**YOUR OBJECTIVE**
Wherever a line in the records contains the word "cuts", return that line.

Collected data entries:
=======

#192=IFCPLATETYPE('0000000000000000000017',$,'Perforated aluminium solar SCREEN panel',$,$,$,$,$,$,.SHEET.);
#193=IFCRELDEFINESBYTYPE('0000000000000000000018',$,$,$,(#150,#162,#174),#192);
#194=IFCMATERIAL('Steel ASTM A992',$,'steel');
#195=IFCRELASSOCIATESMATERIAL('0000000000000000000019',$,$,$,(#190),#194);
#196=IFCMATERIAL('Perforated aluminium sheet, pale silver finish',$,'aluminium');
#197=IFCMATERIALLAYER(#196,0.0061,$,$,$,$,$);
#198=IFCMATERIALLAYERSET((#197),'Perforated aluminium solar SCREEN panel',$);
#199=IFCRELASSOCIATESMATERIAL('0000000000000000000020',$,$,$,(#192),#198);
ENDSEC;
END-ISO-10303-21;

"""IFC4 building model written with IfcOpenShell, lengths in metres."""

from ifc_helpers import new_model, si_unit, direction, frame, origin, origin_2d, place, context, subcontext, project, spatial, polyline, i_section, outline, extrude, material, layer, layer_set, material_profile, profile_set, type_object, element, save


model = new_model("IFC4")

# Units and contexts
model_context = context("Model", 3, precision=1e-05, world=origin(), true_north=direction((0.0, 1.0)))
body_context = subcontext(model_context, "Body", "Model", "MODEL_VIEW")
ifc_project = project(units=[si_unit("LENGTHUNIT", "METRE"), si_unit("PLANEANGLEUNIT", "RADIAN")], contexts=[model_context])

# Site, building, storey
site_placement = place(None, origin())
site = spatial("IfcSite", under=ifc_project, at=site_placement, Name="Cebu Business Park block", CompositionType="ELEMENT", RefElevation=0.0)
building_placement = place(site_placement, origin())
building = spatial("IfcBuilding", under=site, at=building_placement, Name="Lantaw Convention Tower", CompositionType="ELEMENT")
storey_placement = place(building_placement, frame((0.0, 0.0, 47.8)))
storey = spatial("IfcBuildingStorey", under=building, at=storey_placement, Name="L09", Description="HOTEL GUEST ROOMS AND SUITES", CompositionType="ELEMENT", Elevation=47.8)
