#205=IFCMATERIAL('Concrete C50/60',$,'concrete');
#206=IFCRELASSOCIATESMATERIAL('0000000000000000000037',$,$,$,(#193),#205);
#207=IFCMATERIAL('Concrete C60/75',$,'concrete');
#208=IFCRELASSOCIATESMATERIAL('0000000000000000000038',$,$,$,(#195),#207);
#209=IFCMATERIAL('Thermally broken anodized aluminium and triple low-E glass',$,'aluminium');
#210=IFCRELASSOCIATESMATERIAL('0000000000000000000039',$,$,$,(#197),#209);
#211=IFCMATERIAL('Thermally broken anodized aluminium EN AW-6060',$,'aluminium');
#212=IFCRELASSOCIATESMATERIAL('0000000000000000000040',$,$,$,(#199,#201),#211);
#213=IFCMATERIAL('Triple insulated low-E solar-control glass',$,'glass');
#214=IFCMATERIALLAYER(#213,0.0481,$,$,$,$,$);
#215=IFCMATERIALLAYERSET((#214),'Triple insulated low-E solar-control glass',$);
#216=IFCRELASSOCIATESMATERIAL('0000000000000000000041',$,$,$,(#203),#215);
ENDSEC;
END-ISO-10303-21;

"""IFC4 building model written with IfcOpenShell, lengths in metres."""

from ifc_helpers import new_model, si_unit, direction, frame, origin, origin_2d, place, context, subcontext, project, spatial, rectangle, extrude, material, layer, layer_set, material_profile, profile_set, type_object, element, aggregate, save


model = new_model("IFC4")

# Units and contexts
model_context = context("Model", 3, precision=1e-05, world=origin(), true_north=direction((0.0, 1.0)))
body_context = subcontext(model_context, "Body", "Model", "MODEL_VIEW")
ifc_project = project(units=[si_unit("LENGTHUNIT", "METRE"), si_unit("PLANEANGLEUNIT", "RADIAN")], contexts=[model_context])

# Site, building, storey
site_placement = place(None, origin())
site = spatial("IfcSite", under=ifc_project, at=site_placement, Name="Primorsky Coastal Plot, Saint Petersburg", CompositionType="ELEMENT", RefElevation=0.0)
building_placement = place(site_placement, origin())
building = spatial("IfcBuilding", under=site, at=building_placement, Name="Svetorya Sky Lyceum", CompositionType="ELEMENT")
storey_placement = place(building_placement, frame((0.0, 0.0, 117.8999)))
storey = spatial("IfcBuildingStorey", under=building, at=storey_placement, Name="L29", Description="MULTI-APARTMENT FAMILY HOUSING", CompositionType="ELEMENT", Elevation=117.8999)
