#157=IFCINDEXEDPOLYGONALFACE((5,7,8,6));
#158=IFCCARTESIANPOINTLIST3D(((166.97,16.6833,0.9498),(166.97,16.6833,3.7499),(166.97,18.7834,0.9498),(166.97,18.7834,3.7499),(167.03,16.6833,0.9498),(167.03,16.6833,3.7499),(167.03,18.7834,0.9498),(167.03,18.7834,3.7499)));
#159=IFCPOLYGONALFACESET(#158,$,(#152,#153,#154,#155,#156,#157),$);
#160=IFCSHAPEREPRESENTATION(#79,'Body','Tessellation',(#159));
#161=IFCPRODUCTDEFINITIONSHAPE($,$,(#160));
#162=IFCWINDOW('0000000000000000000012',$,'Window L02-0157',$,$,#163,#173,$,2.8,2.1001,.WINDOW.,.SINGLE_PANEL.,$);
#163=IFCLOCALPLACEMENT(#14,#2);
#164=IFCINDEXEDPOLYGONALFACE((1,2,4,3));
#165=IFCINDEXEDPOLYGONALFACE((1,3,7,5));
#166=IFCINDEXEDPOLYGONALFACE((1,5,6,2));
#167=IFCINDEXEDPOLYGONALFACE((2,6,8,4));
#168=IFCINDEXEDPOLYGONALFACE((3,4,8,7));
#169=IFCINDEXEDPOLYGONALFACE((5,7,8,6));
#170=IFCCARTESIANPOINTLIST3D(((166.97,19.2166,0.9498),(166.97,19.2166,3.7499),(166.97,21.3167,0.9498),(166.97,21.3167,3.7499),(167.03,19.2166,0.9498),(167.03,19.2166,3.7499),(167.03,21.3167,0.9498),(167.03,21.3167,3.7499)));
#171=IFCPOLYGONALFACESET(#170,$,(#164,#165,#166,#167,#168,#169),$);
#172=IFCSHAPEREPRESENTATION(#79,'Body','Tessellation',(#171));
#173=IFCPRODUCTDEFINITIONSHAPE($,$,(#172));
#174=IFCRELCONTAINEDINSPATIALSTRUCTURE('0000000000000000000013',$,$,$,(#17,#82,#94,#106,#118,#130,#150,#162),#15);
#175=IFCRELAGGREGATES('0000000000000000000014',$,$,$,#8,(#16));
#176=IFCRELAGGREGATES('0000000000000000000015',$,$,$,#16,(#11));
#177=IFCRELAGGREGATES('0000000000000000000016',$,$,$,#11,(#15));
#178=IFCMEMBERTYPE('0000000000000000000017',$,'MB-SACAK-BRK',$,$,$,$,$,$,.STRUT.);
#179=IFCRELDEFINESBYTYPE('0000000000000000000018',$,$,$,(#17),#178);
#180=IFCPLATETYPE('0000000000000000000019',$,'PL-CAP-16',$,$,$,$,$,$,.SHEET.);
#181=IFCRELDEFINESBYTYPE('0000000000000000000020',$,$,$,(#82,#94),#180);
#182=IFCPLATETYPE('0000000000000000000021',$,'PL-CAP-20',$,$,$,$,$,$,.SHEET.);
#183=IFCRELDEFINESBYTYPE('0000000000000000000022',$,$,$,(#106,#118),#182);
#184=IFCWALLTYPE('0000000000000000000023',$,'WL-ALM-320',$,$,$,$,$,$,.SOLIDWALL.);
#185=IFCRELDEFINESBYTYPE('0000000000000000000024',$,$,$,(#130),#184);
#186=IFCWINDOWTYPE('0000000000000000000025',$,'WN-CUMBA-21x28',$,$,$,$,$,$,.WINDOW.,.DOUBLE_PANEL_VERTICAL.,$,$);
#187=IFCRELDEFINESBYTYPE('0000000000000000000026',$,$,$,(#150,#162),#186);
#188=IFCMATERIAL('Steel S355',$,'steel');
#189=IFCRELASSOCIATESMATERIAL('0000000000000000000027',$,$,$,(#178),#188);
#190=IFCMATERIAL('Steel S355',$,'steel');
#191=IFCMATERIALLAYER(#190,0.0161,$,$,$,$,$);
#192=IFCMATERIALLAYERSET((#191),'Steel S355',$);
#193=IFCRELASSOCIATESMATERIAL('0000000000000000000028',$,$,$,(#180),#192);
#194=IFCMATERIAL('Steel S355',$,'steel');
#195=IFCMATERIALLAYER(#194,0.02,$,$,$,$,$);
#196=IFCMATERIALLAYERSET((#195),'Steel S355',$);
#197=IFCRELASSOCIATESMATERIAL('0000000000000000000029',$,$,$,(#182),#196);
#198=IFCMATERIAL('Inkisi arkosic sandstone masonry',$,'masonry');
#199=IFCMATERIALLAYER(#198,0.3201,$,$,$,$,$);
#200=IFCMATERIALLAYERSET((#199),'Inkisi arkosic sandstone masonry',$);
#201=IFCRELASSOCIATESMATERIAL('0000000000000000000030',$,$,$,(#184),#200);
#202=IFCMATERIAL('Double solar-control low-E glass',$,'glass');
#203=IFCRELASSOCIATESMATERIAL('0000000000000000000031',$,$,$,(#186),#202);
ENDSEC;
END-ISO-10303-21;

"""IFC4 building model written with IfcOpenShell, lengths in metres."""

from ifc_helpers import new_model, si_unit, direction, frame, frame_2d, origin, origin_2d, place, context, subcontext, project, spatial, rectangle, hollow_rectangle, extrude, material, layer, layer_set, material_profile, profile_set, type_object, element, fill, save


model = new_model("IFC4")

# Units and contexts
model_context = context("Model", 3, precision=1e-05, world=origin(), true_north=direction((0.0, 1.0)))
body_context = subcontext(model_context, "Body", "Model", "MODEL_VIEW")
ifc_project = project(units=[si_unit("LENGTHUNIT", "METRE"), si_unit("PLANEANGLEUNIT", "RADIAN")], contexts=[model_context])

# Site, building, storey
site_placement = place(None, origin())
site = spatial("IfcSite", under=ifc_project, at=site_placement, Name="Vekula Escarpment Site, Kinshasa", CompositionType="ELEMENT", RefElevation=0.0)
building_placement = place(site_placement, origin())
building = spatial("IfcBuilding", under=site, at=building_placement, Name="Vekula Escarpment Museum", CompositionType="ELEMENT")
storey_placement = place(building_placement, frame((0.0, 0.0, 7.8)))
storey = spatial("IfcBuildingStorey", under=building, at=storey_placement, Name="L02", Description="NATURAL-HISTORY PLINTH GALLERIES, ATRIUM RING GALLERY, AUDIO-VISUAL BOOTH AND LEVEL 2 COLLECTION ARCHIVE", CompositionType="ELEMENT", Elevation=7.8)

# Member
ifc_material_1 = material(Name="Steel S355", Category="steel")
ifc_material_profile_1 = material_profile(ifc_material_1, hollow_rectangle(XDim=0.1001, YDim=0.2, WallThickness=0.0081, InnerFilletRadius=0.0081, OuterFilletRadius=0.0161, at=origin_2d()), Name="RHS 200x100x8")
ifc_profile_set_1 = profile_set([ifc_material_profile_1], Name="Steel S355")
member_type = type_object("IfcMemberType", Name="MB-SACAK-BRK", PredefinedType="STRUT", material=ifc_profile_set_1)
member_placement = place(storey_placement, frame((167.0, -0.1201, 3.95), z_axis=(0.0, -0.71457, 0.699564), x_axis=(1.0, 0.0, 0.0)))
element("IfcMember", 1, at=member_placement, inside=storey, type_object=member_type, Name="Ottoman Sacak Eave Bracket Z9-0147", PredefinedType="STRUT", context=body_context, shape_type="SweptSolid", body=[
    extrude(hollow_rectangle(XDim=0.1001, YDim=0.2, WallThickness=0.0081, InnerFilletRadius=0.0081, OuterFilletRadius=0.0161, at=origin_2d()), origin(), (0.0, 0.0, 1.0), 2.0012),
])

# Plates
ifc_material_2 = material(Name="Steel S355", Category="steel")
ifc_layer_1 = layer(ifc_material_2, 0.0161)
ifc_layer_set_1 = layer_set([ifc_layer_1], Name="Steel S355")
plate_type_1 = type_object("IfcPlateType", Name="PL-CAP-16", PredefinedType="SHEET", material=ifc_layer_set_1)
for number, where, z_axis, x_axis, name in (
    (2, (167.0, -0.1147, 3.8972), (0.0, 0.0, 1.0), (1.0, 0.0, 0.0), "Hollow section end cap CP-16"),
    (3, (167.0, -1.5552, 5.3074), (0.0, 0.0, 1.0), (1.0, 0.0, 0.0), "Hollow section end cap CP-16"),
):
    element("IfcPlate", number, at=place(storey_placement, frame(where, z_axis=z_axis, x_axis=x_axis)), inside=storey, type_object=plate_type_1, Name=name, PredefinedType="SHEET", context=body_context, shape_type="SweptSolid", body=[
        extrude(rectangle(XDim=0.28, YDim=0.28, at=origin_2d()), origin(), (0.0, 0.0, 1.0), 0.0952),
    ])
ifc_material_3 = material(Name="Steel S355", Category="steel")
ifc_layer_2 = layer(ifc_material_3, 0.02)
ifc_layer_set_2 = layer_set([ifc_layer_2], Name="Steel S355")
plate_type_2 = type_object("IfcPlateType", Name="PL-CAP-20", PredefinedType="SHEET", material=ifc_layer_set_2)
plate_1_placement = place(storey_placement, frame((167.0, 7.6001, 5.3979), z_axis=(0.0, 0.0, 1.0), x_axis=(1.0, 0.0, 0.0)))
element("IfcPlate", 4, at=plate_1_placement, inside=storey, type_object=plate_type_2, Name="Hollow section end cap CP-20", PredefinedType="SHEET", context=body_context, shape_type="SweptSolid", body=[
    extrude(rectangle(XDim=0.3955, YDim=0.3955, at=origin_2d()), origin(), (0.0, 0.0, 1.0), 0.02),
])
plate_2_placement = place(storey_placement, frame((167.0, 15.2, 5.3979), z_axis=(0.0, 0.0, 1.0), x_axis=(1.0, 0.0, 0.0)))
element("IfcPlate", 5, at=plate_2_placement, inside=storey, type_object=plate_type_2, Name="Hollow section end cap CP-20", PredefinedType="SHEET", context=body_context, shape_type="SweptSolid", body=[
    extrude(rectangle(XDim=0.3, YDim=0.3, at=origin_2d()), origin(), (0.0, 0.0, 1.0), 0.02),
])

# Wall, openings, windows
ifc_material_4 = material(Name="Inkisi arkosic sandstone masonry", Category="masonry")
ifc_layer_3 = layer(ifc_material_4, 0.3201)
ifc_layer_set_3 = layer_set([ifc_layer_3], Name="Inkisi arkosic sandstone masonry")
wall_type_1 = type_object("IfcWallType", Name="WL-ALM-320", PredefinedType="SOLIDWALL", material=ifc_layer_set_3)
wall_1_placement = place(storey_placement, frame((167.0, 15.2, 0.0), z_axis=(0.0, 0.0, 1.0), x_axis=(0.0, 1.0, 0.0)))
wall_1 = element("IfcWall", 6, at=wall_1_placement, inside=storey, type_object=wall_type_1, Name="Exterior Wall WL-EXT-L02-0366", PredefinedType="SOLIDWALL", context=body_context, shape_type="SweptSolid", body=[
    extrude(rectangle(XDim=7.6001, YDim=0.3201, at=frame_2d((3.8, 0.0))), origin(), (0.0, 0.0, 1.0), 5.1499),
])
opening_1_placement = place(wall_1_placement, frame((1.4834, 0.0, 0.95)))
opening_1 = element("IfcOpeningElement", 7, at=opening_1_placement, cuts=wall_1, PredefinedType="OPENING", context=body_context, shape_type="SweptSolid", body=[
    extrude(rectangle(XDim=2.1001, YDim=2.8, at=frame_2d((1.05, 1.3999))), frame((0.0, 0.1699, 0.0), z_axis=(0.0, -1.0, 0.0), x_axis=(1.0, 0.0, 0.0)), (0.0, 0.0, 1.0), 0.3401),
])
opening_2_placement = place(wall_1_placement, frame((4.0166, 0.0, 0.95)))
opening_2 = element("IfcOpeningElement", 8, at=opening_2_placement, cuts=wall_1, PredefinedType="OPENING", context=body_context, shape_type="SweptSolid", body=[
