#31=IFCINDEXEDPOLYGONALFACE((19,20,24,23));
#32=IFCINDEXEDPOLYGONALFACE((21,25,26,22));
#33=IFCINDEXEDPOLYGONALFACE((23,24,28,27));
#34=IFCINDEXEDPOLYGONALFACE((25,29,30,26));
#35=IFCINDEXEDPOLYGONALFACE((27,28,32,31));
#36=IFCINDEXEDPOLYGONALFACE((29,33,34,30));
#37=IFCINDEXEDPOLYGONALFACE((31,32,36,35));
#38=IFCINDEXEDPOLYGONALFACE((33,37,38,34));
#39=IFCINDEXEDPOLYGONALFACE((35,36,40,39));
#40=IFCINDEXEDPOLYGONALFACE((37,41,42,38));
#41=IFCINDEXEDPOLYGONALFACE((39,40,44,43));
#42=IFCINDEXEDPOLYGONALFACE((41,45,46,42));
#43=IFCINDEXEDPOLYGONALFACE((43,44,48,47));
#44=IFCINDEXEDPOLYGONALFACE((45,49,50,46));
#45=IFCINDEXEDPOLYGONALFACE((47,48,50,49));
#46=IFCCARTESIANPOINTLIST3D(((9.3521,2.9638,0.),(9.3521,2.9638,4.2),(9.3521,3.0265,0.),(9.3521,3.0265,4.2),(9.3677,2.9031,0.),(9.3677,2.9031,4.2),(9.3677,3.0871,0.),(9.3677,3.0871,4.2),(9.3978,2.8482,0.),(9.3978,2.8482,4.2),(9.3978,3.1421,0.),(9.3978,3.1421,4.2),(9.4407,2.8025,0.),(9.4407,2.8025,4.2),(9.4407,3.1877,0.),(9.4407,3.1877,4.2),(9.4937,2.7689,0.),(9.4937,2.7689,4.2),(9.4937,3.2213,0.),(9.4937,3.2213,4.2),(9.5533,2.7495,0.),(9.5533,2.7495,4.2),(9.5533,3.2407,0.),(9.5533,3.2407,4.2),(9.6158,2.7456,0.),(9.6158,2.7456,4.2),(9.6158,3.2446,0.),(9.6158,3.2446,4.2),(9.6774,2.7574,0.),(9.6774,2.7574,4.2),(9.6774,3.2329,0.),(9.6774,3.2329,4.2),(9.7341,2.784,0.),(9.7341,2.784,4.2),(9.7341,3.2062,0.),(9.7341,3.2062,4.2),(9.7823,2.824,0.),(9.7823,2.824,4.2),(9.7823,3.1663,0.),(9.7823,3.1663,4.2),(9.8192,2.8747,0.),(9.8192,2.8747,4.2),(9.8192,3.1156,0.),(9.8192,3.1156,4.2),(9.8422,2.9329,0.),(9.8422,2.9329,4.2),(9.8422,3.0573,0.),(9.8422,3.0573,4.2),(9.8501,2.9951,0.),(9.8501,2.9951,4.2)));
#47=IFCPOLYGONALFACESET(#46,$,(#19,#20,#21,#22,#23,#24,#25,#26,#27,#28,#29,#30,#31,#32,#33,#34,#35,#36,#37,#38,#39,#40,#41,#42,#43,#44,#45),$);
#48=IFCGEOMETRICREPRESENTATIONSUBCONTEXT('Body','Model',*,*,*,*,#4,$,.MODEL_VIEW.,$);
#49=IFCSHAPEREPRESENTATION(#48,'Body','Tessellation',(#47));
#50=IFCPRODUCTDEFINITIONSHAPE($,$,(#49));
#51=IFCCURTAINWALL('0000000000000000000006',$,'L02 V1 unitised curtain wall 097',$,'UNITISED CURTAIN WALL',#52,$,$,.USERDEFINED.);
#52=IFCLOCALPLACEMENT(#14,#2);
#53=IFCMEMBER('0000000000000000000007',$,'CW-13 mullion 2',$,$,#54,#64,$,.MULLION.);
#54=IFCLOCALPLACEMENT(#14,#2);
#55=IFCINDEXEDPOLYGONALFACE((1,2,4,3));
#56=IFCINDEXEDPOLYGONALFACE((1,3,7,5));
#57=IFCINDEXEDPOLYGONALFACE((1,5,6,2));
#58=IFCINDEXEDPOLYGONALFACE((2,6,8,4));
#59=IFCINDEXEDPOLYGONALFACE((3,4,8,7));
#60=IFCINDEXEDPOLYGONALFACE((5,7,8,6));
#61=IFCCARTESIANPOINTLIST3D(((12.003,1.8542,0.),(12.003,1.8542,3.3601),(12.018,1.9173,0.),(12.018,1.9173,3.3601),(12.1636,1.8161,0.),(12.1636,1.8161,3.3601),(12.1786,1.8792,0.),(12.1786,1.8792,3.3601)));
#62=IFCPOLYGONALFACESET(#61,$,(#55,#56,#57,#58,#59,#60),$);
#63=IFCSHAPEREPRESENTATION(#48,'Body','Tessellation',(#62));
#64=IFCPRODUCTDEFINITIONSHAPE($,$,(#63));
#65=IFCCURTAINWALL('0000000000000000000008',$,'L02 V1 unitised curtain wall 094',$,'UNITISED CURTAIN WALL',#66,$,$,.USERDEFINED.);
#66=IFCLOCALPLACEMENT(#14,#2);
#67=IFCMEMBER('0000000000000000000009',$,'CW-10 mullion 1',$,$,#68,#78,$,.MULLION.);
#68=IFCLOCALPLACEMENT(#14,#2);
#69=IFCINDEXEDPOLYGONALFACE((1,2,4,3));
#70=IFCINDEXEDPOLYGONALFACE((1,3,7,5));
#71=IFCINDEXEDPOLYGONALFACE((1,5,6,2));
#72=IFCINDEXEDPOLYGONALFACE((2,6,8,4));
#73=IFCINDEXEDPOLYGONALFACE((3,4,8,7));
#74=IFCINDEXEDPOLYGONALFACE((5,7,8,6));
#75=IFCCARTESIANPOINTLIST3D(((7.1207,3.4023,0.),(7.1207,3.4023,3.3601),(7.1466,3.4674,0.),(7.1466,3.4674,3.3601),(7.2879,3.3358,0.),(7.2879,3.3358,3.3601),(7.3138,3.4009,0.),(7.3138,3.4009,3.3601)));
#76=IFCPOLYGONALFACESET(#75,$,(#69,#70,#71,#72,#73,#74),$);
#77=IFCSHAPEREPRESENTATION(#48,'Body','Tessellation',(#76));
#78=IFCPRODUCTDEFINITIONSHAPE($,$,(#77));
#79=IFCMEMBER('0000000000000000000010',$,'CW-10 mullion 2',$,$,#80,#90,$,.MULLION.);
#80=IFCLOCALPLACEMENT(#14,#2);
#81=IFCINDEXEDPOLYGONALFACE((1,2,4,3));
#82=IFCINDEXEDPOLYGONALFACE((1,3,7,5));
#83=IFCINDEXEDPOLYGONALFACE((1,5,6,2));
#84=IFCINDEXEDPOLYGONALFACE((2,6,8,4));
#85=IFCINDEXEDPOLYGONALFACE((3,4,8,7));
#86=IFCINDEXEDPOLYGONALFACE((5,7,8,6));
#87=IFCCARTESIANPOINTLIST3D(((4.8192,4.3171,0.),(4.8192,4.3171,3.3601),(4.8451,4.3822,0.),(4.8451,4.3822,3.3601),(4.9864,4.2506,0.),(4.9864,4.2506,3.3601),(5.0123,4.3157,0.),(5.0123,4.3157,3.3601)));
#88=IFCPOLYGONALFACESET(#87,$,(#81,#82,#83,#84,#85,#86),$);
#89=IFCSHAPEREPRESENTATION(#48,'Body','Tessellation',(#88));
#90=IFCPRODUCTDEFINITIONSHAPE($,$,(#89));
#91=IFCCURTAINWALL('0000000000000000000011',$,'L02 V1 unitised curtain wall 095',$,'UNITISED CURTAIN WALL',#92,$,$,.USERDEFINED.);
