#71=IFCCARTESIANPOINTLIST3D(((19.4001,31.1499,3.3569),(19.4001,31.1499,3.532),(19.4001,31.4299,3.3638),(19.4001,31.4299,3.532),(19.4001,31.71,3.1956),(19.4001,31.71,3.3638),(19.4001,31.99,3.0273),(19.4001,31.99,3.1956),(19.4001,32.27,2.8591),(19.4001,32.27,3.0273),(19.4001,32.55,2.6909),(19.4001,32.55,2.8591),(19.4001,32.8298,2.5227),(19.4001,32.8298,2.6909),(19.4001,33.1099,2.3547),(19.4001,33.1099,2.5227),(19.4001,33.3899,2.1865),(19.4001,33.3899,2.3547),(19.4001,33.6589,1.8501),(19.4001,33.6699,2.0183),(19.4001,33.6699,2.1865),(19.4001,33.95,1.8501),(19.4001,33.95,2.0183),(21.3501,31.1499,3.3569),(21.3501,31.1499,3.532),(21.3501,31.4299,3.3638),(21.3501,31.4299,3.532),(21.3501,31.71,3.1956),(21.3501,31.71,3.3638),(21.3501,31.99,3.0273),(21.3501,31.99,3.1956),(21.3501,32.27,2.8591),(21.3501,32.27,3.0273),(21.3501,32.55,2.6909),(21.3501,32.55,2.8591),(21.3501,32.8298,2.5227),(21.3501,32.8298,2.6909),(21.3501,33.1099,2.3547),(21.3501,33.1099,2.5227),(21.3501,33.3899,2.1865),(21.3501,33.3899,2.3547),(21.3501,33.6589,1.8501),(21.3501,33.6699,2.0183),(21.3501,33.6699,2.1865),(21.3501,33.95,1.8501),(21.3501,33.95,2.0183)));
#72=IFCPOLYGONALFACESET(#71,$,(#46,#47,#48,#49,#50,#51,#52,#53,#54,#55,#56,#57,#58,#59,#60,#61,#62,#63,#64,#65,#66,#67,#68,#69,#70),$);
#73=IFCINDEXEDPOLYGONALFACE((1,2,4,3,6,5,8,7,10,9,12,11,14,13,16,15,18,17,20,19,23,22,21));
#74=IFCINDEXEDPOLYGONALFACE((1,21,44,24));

=======

**SOLUTION TO THIS EXERCISE**
opening_1 = element("IfcOpeningElement", 7, at=opening_1_placement, cuts=wall_1, PredefinedType="OPENING", context=body_context, shape_type="SweptSolid", body=[
opening_2 = element("IfcOpeningElement", 8, at=opening_2_placement, cuts=wall_1, PredefinedType="OPENING", context=body_context, shape_type="SweptSolid", body=[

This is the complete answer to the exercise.